What you will do: Of all the entries below, only the lines from the one with "#35=IFCINDEXEDPOLYGONALFACE((25,26,30,29));" up to and including the one with "#50=IFCINDEXEDPOLYGONALFACE((55,59,60,56));" are to be duplicated exactly.

Data for the task:
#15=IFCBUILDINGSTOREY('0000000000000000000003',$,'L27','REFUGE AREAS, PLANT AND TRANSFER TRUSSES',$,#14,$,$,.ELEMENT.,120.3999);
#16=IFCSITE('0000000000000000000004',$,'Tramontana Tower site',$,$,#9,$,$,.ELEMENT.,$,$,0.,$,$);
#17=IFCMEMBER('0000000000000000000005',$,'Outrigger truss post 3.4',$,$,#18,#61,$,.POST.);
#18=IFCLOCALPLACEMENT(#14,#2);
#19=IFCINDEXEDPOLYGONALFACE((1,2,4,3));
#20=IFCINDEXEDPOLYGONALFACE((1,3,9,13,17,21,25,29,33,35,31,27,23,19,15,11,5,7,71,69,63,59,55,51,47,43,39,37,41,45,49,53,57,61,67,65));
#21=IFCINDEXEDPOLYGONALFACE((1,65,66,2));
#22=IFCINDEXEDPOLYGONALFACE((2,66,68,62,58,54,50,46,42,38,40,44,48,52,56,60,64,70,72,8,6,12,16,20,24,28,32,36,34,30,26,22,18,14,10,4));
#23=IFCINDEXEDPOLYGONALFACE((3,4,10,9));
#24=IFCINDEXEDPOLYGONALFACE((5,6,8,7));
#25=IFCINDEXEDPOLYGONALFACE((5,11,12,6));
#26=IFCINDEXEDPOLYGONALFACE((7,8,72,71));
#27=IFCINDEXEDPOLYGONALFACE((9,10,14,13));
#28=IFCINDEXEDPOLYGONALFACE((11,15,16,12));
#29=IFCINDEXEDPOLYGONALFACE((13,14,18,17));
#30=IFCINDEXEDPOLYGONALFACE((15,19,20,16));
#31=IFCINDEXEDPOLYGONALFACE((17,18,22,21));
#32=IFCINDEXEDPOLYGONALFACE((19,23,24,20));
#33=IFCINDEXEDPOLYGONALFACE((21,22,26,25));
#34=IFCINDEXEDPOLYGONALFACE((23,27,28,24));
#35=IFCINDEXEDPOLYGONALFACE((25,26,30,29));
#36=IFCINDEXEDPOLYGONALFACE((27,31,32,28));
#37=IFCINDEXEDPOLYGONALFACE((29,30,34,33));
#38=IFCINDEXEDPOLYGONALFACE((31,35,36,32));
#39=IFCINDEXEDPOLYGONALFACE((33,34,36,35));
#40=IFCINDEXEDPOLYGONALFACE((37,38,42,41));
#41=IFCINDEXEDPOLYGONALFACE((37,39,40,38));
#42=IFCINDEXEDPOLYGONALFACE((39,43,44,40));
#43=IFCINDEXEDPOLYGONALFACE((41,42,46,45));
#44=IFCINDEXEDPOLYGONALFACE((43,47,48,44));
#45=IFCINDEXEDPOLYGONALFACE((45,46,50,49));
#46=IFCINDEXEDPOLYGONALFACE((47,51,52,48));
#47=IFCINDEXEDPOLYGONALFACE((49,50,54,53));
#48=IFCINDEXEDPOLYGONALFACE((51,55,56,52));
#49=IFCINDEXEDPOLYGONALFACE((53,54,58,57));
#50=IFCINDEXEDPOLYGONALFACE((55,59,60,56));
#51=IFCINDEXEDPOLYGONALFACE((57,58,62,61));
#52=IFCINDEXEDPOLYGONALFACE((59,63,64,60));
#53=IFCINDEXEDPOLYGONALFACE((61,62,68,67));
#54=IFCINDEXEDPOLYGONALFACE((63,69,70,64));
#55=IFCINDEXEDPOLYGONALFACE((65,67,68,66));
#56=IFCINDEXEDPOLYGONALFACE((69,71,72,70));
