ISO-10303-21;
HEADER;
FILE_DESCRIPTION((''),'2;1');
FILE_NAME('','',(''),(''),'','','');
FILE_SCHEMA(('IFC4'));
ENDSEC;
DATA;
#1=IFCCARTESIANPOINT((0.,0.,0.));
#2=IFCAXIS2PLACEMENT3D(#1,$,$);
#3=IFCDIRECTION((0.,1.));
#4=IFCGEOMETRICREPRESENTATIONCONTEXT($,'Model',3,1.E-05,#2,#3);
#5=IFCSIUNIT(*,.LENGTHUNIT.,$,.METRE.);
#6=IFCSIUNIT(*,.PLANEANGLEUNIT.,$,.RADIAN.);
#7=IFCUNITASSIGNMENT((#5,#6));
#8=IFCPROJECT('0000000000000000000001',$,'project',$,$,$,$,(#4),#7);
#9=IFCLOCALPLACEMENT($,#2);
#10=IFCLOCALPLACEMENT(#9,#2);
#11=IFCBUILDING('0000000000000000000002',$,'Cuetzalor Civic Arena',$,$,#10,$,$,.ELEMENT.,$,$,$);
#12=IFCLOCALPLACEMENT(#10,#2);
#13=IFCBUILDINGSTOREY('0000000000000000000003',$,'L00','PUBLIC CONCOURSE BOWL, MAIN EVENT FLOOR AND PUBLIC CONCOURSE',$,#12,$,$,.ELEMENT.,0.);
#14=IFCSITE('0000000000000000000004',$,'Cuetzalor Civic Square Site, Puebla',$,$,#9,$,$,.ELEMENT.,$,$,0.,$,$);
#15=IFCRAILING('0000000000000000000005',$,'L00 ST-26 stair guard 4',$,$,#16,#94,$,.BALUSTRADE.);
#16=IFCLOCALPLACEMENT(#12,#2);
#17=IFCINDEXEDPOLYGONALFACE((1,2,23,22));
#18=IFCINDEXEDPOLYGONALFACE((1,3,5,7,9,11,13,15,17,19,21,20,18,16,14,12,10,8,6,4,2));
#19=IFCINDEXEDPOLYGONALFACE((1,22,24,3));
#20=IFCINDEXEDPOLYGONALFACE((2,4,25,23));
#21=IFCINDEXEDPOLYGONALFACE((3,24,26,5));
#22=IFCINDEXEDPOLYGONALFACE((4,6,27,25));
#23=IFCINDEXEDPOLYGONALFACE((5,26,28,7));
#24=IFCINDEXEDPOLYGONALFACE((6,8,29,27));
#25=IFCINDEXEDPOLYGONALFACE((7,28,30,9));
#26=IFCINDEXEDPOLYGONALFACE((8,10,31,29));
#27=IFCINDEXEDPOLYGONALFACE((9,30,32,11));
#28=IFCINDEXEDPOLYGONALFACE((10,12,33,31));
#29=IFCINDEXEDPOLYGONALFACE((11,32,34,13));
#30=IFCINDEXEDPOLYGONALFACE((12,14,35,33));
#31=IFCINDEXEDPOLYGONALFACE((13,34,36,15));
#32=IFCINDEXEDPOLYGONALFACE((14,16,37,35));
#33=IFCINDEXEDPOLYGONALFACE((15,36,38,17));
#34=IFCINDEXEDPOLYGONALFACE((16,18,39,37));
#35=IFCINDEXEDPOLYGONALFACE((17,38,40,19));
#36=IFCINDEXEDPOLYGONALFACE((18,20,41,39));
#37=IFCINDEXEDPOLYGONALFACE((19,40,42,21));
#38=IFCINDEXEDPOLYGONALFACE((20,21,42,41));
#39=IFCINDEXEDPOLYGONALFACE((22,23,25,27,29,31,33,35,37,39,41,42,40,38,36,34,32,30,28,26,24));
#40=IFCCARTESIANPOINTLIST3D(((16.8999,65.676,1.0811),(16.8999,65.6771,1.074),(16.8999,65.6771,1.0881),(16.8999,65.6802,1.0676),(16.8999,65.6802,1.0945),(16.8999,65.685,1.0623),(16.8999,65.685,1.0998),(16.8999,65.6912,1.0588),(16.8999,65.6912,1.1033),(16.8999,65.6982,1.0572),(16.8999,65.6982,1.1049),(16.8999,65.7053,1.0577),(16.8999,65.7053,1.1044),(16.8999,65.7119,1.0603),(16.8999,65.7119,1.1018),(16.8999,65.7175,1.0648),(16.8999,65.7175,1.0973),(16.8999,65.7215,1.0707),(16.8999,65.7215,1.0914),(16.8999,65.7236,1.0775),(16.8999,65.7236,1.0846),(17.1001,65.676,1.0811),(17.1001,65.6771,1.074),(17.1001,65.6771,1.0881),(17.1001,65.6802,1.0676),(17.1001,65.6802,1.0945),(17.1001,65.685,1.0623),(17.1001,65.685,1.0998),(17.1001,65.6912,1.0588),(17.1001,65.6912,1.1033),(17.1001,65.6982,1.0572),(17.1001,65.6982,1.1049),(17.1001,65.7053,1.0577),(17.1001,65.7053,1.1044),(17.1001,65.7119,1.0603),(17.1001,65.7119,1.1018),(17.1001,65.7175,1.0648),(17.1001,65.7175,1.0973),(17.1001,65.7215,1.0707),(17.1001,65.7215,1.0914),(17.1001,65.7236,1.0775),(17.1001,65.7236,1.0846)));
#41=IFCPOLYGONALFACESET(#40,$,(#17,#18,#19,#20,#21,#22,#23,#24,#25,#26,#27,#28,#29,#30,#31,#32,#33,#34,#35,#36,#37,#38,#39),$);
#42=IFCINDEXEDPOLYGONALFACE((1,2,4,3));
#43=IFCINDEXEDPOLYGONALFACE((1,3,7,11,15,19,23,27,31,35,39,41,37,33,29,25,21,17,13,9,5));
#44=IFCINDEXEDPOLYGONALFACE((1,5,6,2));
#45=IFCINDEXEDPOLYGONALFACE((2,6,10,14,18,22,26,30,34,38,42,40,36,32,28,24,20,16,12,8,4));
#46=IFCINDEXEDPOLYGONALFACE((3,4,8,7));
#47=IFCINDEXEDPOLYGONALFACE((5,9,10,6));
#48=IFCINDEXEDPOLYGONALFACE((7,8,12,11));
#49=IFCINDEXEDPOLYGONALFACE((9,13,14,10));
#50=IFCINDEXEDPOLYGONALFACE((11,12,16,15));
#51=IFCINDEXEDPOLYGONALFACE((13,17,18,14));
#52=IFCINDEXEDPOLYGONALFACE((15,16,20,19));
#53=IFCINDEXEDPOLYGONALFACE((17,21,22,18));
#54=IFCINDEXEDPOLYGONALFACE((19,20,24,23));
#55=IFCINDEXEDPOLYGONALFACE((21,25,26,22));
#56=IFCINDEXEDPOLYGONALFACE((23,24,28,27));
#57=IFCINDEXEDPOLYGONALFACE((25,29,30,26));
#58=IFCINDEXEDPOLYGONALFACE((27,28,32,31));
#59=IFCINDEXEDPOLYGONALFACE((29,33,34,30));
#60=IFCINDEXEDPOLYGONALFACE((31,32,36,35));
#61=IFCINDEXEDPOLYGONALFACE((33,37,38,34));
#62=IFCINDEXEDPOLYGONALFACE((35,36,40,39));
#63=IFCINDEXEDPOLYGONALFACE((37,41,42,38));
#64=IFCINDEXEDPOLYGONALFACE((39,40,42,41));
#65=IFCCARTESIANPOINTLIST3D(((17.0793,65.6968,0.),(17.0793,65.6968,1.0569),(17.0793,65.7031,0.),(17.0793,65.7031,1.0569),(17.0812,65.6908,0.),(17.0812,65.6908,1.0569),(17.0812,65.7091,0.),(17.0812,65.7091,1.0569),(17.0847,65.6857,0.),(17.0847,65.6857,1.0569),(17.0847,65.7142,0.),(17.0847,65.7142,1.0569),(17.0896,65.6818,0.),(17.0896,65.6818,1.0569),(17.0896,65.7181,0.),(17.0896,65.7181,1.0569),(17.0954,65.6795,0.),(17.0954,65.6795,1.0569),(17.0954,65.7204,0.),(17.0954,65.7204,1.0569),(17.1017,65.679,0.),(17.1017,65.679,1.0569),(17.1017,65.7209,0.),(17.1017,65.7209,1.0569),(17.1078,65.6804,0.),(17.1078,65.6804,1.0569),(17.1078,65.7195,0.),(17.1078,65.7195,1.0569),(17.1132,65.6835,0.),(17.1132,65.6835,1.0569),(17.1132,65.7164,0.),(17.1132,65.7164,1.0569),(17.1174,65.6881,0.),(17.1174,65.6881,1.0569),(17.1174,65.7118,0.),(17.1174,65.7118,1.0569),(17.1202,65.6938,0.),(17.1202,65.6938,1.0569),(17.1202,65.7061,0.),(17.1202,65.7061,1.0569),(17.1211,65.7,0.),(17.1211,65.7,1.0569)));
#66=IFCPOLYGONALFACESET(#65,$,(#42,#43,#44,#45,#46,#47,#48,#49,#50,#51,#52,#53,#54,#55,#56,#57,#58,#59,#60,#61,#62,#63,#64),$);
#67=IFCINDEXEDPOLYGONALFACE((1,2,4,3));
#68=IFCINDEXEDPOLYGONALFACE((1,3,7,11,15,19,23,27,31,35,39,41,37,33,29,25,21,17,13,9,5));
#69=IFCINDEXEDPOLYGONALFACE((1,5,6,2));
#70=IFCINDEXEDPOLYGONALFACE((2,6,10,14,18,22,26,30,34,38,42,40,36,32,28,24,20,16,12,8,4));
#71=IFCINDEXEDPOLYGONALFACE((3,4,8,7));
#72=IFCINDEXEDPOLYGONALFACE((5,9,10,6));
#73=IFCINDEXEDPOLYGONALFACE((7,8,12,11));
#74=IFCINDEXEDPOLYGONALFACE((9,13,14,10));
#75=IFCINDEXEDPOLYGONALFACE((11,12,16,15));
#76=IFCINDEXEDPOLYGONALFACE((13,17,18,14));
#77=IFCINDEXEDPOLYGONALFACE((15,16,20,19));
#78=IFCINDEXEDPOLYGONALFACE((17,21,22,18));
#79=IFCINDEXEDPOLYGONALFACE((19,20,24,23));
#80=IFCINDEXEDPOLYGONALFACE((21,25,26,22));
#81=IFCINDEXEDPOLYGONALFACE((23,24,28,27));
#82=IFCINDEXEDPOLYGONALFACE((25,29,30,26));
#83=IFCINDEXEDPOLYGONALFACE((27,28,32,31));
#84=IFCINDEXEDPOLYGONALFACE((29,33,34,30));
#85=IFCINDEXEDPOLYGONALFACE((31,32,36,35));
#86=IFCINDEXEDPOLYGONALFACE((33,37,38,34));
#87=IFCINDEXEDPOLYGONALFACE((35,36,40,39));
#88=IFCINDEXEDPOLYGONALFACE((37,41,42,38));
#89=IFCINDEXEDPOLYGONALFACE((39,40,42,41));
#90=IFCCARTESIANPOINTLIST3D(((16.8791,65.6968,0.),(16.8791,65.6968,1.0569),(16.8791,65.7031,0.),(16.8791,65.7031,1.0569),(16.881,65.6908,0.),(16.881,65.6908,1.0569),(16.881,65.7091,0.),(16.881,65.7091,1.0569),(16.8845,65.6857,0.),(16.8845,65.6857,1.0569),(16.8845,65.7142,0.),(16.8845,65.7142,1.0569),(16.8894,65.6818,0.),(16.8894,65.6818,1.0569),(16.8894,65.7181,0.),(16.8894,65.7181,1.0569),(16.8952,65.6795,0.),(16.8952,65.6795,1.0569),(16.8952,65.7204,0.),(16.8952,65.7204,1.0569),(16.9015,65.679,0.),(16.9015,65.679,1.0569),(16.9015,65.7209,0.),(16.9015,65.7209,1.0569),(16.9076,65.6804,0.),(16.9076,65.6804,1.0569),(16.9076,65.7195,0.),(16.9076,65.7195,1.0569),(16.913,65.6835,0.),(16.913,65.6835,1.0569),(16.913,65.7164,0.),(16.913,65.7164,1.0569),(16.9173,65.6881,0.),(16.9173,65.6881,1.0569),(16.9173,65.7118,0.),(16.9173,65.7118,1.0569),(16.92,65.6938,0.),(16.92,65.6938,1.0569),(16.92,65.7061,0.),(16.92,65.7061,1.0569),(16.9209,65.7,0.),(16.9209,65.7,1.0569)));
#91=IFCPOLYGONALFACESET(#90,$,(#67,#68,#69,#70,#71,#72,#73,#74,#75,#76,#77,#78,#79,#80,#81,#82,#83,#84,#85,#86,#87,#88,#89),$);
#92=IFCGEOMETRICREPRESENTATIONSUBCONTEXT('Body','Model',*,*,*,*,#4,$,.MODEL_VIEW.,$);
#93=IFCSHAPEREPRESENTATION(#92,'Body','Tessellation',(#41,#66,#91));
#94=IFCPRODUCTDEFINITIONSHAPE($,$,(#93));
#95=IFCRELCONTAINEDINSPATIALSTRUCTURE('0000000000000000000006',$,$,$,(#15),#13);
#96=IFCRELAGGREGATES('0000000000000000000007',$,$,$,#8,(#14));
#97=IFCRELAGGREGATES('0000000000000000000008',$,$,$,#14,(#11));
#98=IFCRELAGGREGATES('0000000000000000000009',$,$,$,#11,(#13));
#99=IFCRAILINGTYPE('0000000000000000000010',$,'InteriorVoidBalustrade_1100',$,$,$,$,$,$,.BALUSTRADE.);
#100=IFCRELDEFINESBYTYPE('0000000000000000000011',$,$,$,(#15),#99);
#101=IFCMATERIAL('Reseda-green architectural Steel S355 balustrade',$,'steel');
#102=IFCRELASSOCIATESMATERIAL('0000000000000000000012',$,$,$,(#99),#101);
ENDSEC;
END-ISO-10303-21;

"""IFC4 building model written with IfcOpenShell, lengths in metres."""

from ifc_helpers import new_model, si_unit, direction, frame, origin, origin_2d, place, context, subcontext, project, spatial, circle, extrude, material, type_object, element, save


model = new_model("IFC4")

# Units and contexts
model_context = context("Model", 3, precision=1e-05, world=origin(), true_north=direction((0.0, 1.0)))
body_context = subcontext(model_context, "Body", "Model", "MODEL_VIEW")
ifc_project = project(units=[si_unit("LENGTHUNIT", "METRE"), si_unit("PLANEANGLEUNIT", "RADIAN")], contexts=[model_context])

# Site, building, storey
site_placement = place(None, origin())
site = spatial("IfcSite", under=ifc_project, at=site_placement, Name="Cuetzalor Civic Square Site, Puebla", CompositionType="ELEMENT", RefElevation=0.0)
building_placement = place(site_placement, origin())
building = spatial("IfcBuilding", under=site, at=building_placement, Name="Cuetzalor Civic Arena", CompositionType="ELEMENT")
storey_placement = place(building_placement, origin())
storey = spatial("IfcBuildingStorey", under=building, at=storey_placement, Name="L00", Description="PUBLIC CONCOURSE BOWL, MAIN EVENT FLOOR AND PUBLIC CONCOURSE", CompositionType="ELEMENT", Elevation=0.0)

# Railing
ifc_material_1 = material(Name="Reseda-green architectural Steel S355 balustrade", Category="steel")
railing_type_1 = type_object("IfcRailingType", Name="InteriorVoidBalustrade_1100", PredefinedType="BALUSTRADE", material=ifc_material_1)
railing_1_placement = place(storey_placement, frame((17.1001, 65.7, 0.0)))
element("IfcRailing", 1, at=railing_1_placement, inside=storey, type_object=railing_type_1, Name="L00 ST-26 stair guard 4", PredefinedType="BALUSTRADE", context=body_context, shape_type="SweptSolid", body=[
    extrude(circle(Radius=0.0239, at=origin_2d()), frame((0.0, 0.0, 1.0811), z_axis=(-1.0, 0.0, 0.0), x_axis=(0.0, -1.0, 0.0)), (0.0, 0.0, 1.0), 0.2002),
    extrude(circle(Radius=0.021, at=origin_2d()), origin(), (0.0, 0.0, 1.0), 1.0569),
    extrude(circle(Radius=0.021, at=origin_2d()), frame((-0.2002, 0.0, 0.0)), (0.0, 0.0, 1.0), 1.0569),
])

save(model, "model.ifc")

Answer below:
#35=IFCINDEXEDPOLYGONALFACE((25,26,30,29));
#36=IFCINDEXEDPOLYGONALFACE((27,31,32,28));
#37=IFCINDEXEDPOLYGONALFACE((29,30,34,33));
#38=IFCINDEXEDPOLYGONALFACE((31,35,36,32));
#39=IFCINDEXEDPOLYGONALFACE((33,34,36,35));
#40=IFCINDEXEDPOLYGONALFACE((37,38,42,41));
#41=IFCINDEXEDPOLYGONALFACE((37,39,40,38));
#42=IFCINDEXEDPOLYGONALFACE((39,43,44,40));
#43=IFCINDEXEDPOLYGONALFACE((41,42,46,45));
#44=IFCINDEXEDPOLYGONALFACE((43,47,48,44));
#45=IFCINDEXEDPOLYGONALFACE((45,46,50,49));
#46=IFCINDEXEDPOLYGONALFACE((47,51,52,48));
#47=IFCINDEXEDPOLYGONALFACE((49,50,54,53));
#48=IFCINDEXEDPOLYGONALFACE((51,55,56,52));
#49=IFCINDEXEDPOLYGONALFACE((53,54,58,57));
#50=IFCINDEXEDPOLYGONALFACE((55,59,60,56));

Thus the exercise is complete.